--- WORK REQUEST ---
Repeat exactly the lines from the first line of the records through the line containing "#119=IFCPRODUCTDEFINITIONSHAPE($,$,(#118));", and nothing more.

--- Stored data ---

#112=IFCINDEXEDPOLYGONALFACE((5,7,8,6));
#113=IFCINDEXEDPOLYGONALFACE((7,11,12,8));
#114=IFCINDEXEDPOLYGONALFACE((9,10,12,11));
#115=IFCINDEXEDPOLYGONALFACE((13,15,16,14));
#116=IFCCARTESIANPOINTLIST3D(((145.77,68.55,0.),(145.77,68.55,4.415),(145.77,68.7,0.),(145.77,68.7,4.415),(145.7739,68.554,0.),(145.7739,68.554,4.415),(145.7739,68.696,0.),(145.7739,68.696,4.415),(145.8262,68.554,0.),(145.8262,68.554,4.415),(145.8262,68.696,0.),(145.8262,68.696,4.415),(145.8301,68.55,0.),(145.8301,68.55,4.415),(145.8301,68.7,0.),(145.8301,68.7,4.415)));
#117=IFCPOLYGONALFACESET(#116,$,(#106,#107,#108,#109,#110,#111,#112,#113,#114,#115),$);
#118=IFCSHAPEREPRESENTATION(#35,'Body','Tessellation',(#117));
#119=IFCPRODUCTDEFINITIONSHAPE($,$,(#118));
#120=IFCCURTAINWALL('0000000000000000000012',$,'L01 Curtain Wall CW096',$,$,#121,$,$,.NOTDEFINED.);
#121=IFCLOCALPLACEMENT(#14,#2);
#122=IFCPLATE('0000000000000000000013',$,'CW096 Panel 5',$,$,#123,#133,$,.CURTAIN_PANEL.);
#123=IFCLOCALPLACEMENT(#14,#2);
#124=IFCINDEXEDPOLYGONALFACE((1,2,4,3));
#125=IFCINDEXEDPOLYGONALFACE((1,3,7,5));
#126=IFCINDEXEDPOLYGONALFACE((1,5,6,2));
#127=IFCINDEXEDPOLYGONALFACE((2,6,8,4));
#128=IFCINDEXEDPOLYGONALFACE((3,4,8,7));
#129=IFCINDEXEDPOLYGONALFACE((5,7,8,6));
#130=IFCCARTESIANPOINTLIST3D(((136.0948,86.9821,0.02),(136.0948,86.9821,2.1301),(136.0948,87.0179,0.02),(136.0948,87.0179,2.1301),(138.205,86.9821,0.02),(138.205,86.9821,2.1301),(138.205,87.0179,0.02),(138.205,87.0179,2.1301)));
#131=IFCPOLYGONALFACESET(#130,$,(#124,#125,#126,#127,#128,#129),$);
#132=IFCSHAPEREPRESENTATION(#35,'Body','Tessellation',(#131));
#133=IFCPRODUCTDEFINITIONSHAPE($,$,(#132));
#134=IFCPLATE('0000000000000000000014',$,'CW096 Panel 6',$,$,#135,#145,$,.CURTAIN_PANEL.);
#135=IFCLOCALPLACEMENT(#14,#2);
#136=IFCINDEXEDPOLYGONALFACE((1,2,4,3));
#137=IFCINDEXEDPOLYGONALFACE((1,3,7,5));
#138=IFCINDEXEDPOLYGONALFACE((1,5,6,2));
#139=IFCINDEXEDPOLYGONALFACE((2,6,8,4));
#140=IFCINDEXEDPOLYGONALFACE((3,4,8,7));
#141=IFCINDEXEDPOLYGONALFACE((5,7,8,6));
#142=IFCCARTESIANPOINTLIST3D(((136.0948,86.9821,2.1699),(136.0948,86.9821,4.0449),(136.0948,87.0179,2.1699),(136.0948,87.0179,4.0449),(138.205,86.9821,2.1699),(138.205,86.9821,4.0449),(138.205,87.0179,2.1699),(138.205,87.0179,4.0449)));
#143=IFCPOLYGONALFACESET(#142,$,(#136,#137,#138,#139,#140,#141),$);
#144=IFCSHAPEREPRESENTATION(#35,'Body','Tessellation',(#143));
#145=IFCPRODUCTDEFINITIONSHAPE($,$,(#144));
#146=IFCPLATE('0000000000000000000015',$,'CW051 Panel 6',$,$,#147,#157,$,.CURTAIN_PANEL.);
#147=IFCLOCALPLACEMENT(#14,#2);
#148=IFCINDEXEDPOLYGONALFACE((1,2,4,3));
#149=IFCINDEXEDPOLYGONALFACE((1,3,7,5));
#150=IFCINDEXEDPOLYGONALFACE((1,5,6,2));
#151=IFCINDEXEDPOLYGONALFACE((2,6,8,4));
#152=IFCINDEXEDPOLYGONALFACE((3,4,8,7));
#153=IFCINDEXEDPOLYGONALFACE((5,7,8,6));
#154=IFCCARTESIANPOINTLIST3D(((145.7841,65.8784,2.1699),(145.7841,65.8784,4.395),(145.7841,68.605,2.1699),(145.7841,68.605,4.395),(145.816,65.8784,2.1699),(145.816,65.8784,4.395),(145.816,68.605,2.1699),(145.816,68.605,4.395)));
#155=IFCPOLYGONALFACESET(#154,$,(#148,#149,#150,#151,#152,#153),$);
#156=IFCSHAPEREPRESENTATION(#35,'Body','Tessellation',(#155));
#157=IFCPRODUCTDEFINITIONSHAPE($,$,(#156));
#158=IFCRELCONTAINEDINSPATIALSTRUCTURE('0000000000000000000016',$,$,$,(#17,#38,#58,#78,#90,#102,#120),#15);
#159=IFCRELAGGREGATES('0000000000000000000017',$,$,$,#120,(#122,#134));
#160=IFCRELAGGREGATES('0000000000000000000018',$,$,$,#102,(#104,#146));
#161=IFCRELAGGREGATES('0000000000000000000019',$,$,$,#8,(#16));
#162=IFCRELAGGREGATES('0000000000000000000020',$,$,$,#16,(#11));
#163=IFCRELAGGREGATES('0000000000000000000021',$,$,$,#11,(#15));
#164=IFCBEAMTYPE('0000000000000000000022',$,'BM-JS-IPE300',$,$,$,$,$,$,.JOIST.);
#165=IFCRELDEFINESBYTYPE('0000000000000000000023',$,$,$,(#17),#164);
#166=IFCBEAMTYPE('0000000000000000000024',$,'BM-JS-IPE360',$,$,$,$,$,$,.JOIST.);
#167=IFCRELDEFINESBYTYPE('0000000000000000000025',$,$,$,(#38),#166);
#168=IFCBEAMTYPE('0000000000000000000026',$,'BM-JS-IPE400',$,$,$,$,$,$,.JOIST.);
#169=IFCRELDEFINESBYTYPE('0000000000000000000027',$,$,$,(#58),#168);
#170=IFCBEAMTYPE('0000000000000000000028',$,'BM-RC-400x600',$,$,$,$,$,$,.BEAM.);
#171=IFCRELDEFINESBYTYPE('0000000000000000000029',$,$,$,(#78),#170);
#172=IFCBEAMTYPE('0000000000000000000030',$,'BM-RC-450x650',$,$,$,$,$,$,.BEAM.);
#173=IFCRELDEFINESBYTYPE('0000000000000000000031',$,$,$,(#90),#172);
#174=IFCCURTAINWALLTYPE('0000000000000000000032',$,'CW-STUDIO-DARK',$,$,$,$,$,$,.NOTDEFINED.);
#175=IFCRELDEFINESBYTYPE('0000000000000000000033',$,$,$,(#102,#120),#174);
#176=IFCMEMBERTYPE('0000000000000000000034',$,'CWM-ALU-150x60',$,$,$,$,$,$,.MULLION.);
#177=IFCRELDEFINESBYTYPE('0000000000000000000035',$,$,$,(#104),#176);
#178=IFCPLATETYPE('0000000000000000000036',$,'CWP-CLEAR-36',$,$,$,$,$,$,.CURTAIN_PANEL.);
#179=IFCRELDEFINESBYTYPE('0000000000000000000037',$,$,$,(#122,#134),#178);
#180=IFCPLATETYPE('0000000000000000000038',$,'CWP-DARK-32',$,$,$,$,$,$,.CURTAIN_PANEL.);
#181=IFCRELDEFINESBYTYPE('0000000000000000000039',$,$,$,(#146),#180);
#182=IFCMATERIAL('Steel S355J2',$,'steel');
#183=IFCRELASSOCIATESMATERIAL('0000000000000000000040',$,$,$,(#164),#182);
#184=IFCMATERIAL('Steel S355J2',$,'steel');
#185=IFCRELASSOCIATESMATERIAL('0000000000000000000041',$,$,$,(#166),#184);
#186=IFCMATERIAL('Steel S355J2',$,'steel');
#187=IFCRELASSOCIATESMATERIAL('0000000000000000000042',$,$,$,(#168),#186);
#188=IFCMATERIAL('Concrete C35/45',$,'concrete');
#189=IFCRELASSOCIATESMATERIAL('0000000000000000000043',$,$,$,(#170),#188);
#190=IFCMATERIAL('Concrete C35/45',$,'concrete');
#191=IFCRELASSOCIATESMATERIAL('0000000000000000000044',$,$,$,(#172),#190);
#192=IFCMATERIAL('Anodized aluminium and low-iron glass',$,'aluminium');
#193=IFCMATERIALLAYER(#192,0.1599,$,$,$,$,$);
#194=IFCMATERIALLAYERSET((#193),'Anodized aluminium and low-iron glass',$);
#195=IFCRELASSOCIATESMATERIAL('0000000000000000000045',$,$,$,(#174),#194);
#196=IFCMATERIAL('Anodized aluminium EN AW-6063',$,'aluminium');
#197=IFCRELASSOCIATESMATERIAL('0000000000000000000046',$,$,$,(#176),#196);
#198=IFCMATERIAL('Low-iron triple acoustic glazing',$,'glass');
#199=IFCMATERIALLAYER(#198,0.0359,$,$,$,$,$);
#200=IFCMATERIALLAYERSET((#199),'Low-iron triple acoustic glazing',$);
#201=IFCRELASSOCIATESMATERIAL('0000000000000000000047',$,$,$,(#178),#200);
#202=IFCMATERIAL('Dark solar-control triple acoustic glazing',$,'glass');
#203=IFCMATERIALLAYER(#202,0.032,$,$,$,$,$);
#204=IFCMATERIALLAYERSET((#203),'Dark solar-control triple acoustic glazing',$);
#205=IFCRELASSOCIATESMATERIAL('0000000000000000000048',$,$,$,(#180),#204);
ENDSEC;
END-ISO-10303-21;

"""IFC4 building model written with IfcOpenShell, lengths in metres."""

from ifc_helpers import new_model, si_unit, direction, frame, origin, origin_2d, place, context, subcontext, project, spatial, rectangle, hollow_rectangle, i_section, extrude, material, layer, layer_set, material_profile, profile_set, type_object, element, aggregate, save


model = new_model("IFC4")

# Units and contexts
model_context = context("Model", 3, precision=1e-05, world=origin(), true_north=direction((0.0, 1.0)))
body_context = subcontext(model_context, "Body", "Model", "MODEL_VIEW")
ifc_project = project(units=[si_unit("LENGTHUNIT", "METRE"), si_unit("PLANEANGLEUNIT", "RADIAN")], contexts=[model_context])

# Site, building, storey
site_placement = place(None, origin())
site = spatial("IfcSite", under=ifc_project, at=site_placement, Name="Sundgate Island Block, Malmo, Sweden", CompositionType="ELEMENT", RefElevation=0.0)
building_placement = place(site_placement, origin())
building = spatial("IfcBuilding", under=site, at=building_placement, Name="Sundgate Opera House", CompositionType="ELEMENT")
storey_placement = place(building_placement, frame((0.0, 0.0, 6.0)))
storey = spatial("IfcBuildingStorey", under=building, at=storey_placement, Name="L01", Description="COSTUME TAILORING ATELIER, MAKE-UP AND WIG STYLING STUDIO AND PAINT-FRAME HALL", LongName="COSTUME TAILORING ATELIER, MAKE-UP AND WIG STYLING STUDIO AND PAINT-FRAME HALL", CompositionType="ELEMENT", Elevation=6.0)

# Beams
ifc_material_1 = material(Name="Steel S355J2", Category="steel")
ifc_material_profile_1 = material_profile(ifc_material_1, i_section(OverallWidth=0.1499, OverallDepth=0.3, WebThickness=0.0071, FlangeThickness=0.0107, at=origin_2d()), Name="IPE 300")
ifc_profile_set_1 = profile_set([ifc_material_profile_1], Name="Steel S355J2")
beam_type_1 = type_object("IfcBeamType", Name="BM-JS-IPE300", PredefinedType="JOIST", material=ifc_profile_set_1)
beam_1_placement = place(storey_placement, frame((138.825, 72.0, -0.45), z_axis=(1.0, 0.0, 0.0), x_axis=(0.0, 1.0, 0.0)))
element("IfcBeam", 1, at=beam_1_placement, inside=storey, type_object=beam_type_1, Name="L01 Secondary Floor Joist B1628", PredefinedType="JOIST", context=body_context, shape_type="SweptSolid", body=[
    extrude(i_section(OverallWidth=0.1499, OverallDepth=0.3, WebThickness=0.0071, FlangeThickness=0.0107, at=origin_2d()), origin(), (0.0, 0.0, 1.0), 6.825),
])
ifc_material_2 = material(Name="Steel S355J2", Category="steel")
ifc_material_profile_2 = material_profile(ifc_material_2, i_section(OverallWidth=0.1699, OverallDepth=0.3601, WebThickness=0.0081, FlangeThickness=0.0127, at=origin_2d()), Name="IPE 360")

--- EXERCISE OUTPUT ---
#112=IFCINDEXEDPOLYGONALFACE((5,7,8,6));
#113=IFCINDEXEDPOLYGONALFACE((7,11,12,8));
#114=IFCINDEXEDPOLYGONALFACE((9,10,12,11));
#115=IFCINDEXEDPOLYGONALFACE((13,15,16,14));
#116=IFCCARTESIANPOINTLIST3D(((145.77,68.55,0.),(145.77,68.55,4.415),(145.77,68.7,0.),(145.77,68.7,4.415),(145.7739,68.554,0.),(145.7739,68.554,4.415),(145.7739,68.696,0.),(145.7739,68.696,4.415),(145.8262,68.554,0.),(145.8262,68.554,4.415),(145.8262,68.696,0.),(145.8262,68.696,4.415),(145.8301,68.55,0.),(145.8301,68.55,4.415),(145.8301,68.7,0.),(145.8301,68.7,4.415)));
#117=IFCPOLYGONALFACESET(#116,$,(#106,#107,#108,#109,#110,#111,#112,#113,#114,#115),$);
#118=IFCSHAPEREPRESENTATION(#35,'Body','Tessellation',(#117));
#119=IFCPRODUCTDEFINITIONSHAPE($,$,(#118));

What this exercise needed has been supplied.